# [WHAT THE TASK ASKS]
In the entries that follow, find the word "IFCRELASSOCIATESMATERIAL" and report each line it is on.

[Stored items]
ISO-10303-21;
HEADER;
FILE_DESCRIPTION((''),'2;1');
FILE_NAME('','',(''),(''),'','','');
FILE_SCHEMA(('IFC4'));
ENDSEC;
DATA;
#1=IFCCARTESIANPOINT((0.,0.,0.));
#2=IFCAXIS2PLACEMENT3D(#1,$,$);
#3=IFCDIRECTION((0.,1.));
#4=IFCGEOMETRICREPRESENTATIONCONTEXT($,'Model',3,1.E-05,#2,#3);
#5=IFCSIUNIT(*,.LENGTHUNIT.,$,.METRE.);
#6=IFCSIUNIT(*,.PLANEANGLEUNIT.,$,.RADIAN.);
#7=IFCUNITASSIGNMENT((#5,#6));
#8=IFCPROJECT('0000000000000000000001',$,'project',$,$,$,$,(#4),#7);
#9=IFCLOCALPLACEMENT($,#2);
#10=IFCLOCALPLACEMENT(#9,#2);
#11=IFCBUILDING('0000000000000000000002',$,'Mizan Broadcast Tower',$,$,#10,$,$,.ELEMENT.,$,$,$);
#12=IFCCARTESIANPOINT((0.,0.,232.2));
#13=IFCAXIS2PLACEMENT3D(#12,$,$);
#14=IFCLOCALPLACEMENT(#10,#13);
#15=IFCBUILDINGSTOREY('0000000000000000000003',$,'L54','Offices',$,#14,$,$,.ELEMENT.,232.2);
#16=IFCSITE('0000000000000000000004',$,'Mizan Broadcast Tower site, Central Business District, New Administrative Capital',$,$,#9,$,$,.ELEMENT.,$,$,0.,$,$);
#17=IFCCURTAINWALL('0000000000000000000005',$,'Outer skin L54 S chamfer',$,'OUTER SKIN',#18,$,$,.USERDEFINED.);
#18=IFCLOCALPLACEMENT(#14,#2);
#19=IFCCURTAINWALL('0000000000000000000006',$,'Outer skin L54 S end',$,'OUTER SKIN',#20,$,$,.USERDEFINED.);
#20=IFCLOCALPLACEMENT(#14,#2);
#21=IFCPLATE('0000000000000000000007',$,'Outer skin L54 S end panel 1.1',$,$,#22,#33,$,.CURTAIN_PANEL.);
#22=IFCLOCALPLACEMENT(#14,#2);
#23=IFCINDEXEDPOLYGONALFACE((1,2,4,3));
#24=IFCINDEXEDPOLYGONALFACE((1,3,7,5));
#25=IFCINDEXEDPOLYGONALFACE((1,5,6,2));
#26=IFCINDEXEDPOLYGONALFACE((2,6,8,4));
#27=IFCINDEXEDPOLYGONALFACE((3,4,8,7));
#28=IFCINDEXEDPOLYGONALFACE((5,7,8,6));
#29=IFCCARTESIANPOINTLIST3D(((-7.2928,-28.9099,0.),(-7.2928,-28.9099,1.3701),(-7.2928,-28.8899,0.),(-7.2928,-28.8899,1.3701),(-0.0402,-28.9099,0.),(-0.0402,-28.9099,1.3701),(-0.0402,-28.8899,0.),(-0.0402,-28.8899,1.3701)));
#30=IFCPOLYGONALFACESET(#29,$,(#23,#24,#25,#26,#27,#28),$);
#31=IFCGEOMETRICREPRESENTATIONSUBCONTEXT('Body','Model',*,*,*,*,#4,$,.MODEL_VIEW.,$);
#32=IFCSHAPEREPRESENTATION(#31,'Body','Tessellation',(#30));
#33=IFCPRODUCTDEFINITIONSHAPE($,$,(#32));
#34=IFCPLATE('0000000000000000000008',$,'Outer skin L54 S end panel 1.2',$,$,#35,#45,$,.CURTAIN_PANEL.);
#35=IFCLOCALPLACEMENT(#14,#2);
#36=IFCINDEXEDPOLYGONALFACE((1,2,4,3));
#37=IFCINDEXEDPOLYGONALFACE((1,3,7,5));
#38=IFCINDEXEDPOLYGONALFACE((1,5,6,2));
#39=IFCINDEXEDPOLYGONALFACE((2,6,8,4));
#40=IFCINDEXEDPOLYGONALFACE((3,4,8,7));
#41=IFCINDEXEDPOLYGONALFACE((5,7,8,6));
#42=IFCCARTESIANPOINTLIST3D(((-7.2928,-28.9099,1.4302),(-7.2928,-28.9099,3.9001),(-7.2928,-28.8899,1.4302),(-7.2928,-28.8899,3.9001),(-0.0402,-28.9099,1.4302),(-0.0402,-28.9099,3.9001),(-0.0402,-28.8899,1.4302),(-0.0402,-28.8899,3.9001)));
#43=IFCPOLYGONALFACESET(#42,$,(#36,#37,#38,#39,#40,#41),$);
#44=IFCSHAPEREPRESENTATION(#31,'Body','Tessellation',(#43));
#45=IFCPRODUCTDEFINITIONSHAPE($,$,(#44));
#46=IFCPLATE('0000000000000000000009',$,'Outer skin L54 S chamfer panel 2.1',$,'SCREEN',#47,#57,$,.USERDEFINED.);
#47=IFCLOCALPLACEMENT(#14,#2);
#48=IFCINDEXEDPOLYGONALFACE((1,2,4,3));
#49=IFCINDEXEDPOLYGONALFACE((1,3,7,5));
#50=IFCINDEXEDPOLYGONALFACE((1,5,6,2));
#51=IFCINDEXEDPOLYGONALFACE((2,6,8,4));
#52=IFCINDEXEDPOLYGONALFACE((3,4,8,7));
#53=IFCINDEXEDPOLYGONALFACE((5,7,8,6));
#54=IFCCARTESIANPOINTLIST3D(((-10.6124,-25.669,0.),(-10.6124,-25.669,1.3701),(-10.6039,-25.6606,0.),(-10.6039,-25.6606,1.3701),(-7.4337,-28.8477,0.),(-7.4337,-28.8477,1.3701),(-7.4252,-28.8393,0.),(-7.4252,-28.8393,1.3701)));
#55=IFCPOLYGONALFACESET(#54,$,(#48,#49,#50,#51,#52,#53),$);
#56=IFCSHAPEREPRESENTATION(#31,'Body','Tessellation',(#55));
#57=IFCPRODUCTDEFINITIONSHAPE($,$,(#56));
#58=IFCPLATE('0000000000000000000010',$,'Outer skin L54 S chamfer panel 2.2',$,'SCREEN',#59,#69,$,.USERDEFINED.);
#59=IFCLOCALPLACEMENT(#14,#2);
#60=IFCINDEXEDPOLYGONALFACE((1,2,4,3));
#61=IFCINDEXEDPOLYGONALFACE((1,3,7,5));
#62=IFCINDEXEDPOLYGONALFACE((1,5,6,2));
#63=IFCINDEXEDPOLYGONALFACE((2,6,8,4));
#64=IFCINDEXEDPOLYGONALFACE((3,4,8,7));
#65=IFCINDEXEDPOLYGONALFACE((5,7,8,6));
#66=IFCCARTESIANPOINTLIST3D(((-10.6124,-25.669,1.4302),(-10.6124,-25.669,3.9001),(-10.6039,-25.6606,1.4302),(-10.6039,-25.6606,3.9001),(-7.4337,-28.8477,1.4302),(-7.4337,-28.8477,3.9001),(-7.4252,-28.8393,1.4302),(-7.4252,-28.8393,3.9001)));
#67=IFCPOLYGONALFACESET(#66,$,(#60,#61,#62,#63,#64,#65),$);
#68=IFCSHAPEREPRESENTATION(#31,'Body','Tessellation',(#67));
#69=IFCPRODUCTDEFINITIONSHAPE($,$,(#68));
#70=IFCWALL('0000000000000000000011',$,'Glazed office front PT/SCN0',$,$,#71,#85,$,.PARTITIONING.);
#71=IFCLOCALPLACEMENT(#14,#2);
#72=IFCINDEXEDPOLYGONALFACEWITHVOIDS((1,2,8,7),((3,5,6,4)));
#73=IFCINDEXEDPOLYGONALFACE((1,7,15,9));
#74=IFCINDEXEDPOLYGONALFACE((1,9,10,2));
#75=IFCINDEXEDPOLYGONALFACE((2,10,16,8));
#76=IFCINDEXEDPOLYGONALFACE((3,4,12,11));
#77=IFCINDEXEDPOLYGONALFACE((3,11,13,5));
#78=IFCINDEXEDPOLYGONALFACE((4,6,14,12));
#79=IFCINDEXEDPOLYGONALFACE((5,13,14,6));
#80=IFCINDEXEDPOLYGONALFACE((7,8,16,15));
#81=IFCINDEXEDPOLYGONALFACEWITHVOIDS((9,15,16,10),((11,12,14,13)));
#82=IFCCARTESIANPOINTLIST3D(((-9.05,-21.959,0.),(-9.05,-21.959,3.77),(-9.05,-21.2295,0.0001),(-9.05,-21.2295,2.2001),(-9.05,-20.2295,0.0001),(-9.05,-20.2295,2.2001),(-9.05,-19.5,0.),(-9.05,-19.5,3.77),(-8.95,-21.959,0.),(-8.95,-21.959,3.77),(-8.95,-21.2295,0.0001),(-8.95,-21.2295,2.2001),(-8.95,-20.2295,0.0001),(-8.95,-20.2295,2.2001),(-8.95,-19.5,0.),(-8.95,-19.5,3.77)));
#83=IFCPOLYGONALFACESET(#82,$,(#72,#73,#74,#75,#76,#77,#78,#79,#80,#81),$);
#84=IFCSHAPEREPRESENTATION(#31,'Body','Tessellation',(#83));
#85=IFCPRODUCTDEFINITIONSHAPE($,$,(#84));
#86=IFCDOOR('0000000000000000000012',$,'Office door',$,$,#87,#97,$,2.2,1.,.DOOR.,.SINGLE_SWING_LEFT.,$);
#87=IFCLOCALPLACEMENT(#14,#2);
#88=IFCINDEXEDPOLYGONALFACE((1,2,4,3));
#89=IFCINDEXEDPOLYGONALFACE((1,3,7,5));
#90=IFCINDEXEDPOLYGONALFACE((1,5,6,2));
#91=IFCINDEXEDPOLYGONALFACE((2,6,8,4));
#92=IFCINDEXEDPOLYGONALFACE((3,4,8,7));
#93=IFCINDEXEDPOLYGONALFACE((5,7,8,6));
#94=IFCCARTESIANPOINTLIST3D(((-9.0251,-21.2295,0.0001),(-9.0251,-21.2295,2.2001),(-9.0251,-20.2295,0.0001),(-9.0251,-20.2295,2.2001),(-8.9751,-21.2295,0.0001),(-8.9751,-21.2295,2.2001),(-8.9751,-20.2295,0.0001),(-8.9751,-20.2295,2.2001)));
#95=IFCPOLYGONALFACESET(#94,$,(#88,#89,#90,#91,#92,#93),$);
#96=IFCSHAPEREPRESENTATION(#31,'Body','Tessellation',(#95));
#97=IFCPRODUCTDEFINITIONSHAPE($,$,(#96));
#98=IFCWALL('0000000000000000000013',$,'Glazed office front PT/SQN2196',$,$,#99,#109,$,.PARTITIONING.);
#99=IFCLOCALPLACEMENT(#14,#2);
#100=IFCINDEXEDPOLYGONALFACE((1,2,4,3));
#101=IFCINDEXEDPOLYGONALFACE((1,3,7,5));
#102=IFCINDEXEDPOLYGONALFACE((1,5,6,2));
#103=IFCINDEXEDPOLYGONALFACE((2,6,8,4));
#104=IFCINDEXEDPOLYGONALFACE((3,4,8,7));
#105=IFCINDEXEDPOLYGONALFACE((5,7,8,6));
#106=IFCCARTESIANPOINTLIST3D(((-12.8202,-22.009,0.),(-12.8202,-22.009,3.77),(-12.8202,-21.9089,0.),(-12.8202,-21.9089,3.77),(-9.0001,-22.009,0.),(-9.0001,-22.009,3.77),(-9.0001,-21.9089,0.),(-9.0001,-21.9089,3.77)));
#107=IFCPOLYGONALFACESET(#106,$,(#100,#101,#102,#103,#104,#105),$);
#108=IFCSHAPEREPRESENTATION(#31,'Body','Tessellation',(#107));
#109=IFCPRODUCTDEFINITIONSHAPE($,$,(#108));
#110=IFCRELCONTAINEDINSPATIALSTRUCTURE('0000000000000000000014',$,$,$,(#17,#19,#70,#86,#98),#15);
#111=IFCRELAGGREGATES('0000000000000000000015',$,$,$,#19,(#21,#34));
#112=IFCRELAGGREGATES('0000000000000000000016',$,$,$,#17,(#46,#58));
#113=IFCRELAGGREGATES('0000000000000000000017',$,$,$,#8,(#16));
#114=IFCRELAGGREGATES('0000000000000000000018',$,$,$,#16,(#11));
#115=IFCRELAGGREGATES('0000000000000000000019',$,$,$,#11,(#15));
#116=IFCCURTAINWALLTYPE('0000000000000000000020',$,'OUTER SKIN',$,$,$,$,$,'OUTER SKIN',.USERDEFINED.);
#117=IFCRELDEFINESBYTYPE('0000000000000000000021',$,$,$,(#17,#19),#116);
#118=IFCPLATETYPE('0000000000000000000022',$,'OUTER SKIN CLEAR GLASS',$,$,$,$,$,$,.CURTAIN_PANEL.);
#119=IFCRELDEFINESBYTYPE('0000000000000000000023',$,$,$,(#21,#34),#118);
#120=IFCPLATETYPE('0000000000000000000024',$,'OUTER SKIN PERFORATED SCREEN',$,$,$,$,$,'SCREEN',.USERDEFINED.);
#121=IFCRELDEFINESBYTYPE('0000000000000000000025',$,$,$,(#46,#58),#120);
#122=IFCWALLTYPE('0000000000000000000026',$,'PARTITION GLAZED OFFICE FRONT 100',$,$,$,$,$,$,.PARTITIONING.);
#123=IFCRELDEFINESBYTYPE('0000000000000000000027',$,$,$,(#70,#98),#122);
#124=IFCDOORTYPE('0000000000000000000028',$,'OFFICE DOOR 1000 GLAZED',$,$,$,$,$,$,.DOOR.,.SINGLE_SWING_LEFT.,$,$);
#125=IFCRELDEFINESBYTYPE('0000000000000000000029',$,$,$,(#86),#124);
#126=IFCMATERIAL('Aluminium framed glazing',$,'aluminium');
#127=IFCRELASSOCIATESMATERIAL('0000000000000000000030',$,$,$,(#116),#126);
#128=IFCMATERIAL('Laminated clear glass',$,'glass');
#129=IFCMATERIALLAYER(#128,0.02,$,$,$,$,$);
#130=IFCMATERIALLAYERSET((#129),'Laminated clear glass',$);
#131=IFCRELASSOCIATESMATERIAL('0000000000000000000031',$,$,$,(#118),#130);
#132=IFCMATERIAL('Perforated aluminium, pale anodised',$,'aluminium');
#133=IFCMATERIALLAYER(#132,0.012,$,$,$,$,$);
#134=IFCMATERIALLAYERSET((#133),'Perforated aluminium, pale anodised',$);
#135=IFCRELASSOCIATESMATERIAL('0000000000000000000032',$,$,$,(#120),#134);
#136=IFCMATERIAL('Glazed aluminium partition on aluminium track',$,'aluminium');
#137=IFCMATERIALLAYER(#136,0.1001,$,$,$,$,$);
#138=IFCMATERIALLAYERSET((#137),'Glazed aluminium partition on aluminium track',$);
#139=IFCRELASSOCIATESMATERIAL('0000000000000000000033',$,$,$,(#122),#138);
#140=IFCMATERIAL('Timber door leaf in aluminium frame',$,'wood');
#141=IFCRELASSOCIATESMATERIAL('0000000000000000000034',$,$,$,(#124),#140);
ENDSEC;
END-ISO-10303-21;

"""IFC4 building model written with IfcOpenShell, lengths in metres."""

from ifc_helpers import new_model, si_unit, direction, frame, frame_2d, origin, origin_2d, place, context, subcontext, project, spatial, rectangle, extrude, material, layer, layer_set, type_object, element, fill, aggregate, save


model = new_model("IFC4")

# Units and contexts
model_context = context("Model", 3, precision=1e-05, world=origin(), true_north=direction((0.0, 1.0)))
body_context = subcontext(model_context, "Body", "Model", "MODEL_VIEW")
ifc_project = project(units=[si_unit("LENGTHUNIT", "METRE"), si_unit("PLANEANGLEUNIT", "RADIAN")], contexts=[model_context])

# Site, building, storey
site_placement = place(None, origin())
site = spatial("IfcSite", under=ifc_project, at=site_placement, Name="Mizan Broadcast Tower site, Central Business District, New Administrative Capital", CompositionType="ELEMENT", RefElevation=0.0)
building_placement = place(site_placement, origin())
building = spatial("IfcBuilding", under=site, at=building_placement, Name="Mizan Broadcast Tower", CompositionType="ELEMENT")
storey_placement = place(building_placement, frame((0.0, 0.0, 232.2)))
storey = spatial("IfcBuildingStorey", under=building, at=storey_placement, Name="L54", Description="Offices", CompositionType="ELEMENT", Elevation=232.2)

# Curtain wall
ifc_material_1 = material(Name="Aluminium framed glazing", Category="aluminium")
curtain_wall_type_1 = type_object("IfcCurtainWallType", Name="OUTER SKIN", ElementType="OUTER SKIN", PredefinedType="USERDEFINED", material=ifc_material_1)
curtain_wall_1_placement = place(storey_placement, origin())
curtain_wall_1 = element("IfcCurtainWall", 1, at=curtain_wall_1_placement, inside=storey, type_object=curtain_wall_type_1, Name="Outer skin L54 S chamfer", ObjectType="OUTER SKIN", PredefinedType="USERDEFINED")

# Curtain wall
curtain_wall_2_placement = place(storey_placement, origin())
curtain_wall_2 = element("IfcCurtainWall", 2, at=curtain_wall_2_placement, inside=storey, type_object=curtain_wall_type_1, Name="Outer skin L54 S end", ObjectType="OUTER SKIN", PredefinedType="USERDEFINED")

==

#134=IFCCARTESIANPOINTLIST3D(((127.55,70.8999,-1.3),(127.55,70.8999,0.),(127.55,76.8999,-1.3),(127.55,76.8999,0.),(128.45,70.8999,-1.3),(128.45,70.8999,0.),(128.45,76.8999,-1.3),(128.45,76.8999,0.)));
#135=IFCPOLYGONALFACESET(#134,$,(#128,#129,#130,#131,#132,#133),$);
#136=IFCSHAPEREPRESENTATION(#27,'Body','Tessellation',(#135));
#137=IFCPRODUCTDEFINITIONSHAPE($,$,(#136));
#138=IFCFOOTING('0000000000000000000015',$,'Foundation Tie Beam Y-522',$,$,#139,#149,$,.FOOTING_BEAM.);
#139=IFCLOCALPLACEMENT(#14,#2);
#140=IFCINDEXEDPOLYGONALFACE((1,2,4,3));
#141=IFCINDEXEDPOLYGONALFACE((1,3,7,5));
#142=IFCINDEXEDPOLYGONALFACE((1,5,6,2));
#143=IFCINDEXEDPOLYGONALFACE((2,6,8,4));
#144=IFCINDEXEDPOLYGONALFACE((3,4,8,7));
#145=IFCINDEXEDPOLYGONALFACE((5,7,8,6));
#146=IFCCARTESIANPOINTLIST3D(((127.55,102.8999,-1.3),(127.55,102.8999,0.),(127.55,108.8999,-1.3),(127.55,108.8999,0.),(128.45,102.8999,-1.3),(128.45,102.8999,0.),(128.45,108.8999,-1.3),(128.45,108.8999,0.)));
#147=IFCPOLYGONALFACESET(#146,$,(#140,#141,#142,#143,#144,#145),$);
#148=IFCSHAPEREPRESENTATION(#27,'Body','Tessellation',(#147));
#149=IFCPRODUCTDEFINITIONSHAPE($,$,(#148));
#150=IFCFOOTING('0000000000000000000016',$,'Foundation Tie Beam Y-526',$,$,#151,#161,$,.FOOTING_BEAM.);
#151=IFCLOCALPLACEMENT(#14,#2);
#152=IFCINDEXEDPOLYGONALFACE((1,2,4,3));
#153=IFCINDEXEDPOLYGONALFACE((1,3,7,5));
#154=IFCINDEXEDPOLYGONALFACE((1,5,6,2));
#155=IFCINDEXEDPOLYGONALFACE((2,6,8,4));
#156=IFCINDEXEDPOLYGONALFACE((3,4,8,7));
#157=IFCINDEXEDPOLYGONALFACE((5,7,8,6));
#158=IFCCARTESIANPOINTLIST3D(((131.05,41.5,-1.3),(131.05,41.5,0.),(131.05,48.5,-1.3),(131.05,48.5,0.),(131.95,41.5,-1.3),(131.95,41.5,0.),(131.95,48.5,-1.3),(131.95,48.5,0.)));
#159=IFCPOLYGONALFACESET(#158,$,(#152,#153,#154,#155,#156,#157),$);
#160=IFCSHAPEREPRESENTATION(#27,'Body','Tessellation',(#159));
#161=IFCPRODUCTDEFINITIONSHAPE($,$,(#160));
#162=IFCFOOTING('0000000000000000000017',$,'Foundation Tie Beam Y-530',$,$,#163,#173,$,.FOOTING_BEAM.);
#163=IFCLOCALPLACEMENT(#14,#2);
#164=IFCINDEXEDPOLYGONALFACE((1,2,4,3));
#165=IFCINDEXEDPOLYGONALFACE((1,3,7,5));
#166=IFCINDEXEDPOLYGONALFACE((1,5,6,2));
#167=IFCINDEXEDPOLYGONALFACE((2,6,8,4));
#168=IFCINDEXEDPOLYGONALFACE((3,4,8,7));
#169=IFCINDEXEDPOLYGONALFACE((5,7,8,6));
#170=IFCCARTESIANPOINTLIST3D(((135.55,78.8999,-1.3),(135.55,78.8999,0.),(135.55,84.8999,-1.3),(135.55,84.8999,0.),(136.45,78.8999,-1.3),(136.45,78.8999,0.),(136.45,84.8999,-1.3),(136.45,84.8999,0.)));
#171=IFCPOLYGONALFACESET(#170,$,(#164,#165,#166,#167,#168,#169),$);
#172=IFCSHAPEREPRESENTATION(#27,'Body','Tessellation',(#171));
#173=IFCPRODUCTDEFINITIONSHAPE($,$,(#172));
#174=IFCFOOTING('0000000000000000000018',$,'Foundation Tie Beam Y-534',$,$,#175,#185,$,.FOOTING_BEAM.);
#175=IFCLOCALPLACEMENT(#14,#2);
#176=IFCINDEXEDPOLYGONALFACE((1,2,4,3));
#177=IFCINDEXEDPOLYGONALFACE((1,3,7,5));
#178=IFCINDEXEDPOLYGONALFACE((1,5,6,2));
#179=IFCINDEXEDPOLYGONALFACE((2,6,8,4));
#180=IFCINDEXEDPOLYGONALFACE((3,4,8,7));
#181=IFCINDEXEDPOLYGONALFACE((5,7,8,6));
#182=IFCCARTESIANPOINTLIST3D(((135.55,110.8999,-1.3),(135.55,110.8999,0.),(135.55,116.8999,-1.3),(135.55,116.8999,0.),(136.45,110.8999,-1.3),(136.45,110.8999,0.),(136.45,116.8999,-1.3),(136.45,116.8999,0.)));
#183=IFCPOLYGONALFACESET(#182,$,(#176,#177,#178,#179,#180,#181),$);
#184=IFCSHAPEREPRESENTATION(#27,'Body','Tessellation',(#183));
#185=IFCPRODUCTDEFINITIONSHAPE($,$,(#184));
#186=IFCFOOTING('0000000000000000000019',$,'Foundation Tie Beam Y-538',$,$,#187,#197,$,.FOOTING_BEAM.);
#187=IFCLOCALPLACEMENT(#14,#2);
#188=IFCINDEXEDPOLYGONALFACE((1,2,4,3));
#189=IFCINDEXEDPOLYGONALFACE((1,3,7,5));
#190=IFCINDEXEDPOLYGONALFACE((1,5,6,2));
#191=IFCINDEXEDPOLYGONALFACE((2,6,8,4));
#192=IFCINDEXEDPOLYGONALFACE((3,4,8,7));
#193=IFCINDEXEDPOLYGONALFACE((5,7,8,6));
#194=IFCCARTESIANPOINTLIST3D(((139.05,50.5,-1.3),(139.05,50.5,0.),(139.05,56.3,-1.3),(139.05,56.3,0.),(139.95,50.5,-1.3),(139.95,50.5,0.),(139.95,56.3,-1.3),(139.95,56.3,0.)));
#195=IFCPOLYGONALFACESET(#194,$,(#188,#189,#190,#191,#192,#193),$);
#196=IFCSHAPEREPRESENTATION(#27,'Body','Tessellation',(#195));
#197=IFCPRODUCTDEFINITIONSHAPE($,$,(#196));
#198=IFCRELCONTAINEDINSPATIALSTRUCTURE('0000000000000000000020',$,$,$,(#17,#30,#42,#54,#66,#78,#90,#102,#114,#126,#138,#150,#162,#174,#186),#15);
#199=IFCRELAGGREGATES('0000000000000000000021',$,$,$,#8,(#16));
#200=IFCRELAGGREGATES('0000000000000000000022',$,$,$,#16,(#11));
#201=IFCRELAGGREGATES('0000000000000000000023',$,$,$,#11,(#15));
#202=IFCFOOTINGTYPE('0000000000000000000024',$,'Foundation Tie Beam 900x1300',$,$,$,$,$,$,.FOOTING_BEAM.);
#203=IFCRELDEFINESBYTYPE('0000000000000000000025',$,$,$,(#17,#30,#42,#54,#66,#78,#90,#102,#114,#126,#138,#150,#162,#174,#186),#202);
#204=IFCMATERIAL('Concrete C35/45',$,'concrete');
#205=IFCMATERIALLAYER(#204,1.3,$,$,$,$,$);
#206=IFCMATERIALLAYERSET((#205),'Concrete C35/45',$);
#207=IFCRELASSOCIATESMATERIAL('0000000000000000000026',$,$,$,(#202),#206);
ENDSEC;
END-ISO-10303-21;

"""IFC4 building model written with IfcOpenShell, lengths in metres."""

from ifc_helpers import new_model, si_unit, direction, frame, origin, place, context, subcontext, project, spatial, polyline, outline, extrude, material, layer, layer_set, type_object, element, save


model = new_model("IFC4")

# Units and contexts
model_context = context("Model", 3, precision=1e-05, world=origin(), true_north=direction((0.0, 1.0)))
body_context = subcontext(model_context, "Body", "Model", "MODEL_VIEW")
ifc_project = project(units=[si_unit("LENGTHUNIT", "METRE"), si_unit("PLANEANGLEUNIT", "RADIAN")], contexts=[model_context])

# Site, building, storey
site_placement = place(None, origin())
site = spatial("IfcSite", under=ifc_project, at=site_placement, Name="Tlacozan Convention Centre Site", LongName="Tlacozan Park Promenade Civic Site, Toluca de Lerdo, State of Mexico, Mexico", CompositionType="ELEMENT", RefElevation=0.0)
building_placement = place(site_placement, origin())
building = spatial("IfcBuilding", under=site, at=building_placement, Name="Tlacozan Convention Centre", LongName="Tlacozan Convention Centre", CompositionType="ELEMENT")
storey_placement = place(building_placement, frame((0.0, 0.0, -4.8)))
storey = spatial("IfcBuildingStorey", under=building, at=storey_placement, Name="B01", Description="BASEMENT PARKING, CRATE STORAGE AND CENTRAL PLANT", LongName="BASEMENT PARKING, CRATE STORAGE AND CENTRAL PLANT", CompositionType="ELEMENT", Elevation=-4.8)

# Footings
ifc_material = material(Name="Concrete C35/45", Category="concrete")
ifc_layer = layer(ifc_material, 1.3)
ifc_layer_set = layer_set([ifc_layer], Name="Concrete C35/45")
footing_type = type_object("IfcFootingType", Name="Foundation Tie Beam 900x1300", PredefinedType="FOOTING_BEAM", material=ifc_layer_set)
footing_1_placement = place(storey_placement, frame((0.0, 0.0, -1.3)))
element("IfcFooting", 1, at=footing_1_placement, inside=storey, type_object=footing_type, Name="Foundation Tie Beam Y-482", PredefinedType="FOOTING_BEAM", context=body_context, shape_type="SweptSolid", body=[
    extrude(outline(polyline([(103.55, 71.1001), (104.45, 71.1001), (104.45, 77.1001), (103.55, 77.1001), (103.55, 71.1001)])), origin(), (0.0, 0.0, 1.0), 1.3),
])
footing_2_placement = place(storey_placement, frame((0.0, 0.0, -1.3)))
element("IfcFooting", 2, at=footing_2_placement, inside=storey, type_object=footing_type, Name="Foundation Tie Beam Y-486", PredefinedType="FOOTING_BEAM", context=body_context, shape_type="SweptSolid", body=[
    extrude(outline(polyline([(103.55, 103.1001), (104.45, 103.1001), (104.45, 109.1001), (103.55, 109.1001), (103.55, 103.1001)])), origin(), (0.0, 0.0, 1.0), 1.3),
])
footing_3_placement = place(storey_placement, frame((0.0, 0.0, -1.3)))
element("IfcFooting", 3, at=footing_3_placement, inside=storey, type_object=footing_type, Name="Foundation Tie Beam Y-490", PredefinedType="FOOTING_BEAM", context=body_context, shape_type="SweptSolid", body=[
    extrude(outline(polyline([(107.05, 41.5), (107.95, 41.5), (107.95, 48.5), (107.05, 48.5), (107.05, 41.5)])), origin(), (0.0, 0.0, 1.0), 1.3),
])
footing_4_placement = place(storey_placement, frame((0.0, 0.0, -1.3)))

# [TASK ANSWER]
#127=IFCRELASSOCIATESMATERIAL('0000000000000000000030',$,$,$,(#116),#126);
#131=IFCRELASSOCIATESMATERIAL('0000000000000000000031',$,$,$,(#118),#130);
#135=IFCRELASSOCIATESMATERIAL('0000000000000000000032',$,$,$,(#120),#134);
#139=IFCRELASSOCIATESMATERIAL('0000000000000000000033',$,$,$,(#122),#138);
#141=IFCRELASSOCIATESMATERIAL('0000000000000000000034',$,$,$,(#124),#140);
#207=IFCRELASSOCIATESMATERIAL('0000000000000000000026',$,$,$,(#202),#206);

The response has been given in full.